__Work to complete__:
Beneath this instruction is a listing. Transcribe from it only the stretch from the line with "#161=IFCINDEXEDPOLYGONALFACE((7,43,45,9));" through the line with "#167=IFCINDEXEDPOLYGONALFACE((13,49,51,15));", both end lines included, exactly as written.

__Extracted material__:
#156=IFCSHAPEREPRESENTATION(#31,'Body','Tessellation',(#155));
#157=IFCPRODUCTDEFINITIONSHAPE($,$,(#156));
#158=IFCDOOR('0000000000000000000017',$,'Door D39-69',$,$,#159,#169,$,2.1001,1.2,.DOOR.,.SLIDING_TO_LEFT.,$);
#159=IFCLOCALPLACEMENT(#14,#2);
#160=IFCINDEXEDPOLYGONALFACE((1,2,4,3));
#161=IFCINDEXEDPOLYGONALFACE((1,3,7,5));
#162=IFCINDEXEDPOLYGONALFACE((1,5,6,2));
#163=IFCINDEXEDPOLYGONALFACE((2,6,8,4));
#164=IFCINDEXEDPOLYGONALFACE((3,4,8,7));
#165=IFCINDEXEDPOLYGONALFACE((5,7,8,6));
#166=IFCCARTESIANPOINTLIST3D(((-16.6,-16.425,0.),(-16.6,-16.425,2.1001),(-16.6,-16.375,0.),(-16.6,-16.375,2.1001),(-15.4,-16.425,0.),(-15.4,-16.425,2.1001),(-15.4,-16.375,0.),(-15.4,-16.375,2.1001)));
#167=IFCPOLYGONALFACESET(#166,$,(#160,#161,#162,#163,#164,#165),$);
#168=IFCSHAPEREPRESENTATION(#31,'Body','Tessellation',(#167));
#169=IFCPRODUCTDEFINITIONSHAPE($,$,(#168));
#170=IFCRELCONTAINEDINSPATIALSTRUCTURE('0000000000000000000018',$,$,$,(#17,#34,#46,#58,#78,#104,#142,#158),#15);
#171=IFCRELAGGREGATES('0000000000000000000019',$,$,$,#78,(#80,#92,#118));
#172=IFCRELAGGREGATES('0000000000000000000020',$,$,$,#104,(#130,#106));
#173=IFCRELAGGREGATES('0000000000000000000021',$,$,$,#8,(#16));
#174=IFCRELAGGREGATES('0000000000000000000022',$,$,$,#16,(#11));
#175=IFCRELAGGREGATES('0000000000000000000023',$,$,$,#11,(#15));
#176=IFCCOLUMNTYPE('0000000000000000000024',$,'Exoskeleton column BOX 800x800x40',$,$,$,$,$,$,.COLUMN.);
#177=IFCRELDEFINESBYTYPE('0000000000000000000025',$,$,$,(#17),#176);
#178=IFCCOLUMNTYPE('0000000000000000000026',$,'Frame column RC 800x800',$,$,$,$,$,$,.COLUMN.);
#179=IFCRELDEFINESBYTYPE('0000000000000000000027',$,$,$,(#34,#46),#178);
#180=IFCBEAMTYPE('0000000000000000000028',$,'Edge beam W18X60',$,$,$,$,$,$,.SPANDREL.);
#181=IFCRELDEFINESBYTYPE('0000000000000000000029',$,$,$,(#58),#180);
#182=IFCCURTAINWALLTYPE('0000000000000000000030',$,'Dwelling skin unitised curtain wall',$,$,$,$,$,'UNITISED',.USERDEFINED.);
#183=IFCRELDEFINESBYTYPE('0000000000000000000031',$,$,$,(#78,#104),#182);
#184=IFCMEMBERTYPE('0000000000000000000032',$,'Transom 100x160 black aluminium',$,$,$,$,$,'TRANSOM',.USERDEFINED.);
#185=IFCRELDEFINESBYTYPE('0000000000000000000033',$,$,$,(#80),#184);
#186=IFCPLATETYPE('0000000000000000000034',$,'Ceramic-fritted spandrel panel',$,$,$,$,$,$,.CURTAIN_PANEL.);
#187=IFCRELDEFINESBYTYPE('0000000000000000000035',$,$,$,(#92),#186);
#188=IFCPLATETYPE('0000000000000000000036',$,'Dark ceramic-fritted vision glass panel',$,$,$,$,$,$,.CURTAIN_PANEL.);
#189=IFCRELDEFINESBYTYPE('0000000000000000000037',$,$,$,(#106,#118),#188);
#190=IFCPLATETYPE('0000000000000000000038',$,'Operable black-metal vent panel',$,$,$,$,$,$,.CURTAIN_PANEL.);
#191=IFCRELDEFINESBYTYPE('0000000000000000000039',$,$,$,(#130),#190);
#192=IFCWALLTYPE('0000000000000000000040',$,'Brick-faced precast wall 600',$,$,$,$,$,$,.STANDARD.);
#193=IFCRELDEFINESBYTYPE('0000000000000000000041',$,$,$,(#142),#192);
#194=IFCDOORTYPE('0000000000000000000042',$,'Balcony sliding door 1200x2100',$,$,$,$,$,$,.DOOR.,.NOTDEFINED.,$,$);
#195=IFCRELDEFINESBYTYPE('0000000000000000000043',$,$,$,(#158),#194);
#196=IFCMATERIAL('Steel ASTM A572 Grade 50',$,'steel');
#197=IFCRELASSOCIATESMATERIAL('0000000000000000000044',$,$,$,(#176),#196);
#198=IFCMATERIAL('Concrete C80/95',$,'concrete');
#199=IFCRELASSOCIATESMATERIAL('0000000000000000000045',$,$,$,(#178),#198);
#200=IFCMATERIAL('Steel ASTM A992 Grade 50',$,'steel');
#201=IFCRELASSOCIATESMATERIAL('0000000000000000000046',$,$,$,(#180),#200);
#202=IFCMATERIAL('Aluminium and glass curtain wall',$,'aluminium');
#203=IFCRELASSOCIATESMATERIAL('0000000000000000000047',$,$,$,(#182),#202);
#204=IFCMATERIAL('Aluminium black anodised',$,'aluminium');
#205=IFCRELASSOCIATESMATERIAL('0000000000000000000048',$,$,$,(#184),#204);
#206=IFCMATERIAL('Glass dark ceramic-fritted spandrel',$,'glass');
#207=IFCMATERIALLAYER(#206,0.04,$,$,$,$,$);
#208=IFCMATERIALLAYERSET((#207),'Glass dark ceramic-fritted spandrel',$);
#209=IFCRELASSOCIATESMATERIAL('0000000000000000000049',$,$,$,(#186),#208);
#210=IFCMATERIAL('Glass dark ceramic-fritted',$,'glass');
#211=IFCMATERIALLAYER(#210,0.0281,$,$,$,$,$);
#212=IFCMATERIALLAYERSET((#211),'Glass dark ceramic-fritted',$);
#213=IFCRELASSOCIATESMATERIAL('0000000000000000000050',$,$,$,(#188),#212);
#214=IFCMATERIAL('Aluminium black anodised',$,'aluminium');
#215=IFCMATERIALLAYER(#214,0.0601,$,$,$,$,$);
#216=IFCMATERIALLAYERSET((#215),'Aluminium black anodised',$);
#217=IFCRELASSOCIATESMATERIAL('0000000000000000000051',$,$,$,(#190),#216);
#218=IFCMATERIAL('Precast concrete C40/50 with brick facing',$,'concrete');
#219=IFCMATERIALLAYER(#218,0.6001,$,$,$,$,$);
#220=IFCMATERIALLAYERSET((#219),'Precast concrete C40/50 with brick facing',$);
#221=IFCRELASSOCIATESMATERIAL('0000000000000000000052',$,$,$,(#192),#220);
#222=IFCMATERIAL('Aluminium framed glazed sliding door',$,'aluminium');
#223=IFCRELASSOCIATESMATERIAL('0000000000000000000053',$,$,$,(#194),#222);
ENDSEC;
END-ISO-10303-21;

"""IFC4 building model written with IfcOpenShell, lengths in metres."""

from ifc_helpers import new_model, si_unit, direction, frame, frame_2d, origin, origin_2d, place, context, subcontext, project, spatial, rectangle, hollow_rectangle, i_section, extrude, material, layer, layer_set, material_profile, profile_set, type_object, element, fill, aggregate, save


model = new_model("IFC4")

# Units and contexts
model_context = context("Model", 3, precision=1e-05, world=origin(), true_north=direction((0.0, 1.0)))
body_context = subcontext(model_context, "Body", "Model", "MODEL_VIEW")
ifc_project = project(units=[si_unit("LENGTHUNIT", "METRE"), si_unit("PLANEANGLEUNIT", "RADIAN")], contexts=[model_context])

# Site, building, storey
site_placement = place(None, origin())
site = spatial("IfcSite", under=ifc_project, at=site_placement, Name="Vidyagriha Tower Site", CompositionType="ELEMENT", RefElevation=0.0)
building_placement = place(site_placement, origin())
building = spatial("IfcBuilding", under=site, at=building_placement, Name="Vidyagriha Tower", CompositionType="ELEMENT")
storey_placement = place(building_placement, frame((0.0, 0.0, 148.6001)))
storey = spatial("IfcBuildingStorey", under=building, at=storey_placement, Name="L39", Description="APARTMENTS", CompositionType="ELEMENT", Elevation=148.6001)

...

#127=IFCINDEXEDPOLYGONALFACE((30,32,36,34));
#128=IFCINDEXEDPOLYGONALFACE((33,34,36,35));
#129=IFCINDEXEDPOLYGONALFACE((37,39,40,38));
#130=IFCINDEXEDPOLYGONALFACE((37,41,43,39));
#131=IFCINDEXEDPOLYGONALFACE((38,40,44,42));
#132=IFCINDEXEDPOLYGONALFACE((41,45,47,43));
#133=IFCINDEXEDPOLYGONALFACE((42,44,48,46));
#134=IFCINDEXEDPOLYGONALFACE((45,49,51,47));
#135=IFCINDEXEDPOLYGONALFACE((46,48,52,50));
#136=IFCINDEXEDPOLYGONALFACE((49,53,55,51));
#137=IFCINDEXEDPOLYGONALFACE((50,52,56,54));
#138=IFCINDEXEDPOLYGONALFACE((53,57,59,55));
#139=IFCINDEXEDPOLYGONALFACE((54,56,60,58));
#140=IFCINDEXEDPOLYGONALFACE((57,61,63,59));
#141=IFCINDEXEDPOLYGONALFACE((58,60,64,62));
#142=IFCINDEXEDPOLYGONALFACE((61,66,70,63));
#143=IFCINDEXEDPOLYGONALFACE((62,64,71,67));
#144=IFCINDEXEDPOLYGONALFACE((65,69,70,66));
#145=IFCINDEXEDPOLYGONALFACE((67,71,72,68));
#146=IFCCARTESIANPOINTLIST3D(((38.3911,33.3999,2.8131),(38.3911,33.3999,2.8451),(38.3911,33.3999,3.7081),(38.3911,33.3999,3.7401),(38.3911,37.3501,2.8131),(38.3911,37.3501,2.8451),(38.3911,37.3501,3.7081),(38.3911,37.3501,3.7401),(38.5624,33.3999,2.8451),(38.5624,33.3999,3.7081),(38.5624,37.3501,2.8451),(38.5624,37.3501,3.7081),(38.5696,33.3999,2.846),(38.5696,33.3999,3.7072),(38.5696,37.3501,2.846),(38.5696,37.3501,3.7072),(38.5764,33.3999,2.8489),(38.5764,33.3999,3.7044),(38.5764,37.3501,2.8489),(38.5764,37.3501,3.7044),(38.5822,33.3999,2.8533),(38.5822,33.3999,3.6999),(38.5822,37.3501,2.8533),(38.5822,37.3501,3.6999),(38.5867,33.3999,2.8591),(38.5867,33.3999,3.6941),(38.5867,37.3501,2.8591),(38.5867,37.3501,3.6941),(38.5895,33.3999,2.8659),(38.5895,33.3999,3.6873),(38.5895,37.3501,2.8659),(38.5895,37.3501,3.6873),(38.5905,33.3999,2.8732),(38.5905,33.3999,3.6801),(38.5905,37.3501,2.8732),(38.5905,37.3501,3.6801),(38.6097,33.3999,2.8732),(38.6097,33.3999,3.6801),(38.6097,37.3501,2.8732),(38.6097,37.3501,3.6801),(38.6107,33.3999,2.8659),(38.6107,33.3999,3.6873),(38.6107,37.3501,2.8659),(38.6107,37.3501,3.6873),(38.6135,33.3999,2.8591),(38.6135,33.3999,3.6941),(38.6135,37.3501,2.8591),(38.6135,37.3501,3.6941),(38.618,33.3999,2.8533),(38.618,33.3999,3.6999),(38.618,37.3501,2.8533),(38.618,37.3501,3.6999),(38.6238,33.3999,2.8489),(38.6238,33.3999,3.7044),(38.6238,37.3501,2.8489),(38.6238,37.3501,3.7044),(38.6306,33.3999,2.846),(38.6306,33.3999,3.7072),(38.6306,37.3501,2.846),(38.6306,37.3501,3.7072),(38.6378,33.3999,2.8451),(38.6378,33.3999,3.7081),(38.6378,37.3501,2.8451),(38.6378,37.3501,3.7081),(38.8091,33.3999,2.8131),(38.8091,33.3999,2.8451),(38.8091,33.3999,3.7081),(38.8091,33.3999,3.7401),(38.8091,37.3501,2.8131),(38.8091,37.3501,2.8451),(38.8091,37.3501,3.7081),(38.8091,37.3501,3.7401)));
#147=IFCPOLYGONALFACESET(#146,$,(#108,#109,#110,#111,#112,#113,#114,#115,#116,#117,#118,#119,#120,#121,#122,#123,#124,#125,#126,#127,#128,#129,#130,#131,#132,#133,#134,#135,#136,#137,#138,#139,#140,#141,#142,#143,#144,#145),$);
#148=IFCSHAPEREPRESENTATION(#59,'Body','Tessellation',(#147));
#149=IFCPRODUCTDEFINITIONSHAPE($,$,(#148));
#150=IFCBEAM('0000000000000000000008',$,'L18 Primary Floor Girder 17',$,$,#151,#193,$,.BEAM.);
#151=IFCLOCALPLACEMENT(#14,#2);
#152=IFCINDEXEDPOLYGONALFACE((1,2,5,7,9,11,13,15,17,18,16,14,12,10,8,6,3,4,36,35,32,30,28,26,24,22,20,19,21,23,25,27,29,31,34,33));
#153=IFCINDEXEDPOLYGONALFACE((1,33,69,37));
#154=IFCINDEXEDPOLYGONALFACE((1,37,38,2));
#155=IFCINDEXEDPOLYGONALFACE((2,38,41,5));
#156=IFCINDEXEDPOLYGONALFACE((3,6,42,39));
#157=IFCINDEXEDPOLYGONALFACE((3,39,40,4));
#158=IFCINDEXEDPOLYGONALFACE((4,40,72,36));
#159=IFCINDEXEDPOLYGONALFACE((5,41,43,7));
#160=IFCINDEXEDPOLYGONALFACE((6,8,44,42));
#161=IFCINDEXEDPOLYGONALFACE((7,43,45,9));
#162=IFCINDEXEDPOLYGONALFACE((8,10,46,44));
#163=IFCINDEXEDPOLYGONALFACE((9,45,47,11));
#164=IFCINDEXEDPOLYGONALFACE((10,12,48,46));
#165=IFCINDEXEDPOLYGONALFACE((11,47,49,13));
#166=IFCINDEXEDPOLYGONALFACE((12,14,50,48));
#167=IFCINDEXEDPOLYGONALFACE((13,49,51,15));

__Response to this exercise__:
#161=IFCINDEXEDPOLYGONALFACE((7,43,45,9));
#162=IFCINDEXEDPOLYGONALFACE((8,10,46,44));
#163=IFCINDEXEDPOLYGONALFACE((9,45,47,11));
#164=IFCINDEXEDPOLYGONALFACE((10,12,48,46));
#165=IFCINDEXEDPOLYGONALFACE((11,47,49,13));
#166=IFCINDEXEDPOLYGONALFACE((12,14,50,48));
#167=IFCINDEXEDPOLYGONALFACE((13,49,51,15));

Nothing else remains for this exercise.